=== Work task ===
Restrict the output to the lines below starting at the one that contains "#204=IFCMATERIAL('Concrete C50/60',$,'concrete');" and ending at the one that contains "#217=IFCMATERIALLAYER(#216,0.3401,$,$,$,$,$);", and restate them word for word, both ends included.

=== Source data ===

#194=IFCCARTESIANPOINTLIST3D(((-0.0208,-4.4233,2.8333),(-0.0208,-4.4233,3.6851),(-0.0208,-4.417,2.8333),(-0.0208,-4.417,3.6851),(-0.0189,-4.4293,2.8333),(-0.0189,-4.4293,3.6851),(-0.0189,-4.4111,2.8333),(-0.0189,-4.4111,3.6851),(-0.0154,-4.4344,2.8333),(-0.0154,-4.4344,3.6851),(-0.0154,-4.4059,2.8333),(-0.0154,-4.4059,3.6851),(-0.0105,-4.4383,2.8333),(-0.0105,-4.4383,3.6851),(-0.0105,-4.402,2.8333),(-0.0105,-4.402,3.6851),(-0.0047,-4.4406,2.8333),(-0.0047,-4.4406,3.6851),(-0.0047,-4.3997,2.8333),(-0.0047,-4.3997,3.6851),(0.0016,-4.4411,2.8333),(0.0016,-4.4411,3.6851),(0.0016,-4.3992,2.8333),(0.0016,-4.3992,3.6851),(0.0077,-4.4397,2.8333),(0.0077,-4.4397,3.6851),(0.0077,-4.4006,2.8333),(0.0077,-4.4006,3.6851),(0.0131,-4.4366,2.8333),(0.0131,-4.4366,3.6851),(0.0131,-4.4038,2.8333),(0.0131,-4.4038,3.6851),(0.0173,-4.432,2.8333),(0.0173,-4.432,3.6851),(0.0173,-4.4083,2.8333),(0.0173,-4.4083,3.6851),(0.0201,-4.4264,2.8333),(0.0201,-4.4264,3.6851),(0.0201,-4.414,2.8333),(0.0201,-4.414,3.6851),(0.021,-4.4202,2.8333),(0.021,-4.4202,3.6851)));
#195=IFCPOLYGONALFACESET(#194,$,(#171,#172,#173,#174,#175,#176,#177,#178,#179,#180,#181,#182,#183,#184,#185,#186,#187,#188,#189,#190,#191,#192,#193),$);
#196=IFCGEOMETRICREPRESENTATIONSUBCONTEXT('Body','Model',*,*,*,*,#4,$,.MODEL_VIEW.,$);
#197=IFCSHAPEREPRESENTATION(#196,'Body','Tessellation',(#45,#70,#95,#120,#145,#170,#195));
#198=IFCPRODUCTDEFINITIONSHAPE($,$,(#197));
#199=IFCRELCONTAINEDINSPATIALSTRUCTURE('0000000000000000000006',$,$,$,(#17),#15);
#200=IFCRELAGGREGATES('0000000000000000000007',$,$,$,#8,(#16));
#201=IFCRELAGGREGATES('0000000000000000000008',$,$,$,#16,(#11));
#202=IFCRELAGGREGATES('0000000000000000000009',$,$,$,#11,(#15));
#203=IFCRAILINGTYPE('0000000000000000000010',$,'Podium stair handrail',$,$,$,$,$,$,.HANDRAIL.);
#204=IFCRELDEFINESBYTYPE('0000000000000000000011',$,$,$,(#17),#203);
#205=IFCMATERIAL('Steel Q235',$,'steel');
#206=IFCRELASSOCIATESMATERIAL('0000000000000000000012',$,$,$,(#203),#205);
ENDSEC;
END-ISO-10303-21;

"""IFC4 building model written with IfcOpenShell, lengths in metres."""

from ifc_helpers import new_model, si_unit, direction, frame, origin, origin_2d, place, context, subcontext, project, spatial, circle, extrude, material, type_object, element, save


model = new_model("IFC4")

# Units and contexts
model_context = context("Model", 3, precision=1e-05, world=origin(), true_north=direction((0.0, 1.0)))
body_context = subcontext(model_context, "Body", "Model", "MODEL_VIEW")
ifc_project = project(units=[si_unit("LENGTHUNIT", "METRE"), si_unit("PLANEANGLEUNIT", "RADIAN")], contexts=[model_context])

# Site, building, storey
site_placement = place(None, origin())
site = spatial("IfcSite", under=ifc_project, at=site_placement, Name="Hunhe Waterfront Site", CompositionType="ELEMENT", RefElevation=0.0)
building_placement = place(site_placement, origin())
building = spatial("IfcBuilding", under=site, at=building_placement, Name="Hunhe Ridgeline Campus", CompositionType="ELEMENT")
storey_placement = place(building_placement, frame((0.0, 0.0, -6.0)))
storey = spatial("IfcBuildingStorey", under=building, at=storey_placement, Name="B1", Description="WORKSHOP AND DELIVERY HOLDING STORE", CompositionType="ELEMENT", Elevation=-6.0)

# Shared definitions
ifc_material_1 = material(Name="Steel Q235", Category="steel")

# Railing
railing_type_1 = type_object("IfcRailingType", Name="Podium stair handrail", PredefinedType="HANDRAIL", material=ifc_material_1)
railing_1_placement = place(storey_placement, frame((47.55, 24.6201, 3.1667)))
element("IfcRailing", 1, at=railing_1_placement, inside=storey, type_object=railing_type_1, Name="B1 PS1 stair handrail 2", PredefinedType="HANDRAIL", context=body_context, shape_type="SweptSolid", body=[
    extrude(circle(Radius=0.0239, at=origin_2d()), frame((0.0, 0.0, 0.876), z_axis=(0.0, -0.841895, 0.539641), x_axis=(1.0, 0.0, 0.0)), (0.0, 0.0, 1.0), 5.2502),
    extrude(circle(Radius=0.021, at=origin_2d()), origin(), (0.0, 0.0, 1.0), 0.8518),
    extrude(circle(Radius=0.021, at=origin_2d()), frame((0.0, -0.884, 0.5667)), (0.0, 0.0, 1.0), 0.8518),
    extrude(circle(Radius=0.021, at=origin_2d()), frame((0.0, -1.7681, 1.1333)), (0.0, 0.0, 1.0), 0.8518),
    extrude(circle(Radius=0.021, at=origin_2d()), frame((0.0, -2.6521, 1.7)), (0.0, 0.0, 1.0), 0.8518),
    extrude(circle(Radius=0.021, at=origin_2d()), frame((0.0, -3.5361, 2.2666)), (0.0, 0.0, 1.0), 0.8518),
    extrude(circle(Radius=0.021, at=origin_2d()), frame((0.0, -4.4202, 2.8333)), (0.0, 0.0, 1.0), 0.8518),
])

...

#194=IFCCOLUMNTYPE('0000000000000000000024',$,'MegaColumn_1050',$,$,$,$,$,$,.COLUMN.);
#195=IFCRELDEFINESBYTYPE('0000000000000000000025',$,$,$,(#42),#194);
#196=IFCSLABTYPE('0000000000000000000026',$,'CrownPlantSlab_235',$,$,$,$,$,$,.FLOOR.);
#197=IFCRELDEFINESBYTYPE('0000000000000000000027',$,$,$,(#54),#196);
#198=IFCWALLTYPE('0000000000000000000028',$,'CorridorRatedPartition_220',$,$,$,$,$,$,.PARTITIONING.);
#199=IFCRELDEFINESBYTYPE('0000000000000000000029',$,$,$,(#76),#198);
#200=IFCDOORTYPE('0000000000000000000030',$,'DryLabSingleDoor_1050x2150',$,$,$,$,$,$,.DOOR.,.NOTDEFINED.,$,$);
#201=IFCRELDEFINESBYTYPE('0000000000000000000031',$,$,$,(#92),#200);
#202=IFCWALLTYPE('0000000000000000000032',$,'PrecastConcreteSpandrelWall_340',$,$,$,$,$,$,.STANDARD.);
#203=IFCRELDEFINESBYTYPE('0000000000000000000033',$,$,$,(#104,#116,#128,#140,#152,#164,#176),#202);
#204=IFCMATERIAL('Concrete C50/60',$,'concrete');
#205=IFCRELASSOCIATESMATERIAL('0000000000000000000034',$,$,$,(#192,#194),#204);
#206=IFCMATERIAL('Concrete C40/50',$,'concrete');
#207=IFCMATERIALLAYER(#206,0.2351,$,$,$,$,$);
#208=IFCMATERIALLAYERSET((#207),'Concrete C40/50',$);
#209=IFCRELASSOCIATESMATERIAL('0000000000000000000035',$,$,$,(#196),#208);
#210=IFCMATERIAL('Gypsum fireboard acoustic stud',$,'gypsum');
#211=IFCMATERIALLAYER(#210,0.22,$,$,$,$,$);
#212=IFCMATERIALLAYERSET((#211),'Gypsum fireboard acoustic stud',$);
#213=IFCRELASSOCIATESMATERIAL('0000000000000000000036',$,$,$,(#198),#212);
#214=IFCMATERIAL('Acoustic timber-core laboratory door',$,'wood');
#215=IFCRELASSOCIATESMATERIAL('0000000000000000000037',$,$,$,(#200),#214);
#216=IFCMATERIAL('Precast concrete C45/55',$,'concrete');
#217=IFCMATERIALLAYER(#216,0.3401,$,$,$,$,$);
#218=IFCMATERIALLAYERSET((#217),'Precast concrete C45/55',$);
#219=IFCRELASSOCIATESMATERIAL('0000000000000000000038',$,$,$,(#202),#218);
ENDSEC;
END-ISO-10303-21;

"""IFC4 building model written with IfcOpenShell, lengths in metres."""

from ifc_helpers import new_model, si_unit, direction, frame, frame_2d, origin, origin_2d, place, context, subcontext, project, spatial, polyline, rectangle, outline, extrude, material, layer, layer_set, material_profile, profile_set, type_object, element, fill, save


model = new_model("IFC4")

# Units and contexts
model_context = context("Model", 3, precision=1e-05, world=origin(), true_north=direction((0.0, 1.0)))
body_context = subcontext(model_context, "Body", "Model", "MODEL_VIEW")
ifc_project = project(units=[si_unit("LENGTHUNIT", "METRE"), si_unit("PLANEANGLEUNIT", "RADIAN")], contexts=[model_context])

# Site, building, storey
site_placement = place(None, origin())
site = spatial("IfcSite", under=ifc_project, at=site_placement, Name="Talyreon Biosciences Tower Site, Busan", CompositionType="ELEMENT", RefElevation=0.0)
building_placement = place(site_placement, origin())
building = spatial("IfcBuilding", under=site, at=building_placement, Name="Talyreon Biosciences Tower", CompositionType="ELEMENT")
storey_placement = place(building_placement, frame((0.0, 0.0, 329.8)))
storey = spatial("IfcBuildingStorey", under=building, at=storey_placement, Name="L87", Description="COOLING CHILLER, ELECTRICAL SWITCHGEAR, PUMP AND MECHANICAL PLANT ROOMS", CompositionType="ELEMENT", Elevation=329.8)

* * *

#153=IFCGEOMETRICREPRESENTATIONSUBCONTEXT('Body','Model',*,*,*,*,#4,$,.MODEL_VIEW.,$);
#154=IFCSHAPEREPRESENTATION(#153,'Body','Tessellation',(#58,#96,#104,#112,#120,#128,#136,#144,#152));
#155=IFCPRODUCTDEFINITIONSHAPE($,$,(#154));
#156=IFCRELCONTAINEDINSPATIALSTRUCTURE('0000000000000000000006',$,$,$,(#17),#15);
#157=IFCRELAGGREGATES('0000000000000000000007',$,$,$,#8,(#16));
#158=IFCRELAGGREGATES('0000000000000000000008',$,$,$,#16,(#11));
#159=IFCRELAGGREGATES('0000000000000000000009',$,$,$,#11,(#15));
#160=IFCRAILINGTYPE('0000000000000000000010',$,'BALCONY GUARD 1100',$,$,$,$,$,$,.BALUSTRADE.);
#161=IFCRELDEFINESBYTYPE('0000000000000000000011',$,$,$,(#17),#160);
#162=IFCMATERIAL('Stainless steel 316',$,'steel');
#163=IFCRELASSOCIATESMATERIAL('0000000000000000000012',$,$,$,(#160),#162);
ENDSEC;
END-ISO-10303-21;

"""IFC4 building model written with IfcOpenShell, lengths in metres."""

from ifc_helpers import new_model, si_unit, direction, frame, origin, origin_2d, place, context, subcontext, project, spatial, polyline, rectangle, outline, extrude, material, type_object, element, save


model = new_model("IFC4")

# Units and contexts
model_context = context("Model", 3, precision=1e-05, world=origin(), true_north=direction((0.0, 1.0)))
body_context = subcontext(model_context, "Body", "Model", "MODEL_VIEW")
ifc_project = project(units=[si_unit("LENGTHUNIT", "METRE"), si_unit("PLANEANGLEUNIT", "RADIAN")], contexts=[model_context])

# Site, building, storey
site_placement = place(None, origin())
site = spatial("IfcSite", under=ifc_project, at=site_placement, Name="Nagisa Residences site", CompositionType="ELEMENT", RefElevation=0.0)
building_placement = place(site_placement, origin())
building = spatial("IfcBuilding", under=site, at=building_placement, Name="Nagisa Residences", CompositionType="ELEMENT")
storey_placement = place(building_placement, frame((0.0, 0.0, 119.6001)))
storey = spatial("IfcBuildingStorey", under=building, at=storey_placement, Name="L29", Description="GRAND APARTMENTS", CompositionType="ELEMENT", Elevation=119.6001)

=== Solution to this problem ===
#204=IFCMATERIAL('Concrete C50/60',$,'concrete');
#205=IFCRELASSOCIATESMATERIAL('0000000000000000000034',$,$,$,(#192,#194),#204);
#206=IFCMATERIAL('Concrete C40/50',$,'concrete');
#207=IFCMATERIALLAYER(#206,0.2351,$,$,$,$,$);
#208=IFCMATERIALLAYERSET((#207),'Concrete C40/50',$);
#209=IFCRELASSOCIATESMATERIAL('0000000000000000000035',$,$,$,(#196),#208);
#210=IFCMATERIAL('Gypsum fireboard acoustic stud',$,'gypsum');
#211=IFCMATERIALLAYER(#210,0.22,$,$,$,$,$);
#212=IFCMATERIALLAYERSET((#211),'Gypsum fireboard acoustic stud',$);
#213=IFCRELASSOCIATESMATERIAL('0000000000000000000036',$,$,$,(#198),#212);
#214=IFCMATERIAL('Acoustic timber-core laboratory door',$,'wood');
#215=IFCRELASSOCIATESMATERIAL('0000000000000000000037',$,$,$,(#200),#214);
#216=IFCMATERIAL('Precast concrete C45/55',$,'concrete');
#217=IFCMATERIALLAYER(#216,0.3401,$,$,$,$,$);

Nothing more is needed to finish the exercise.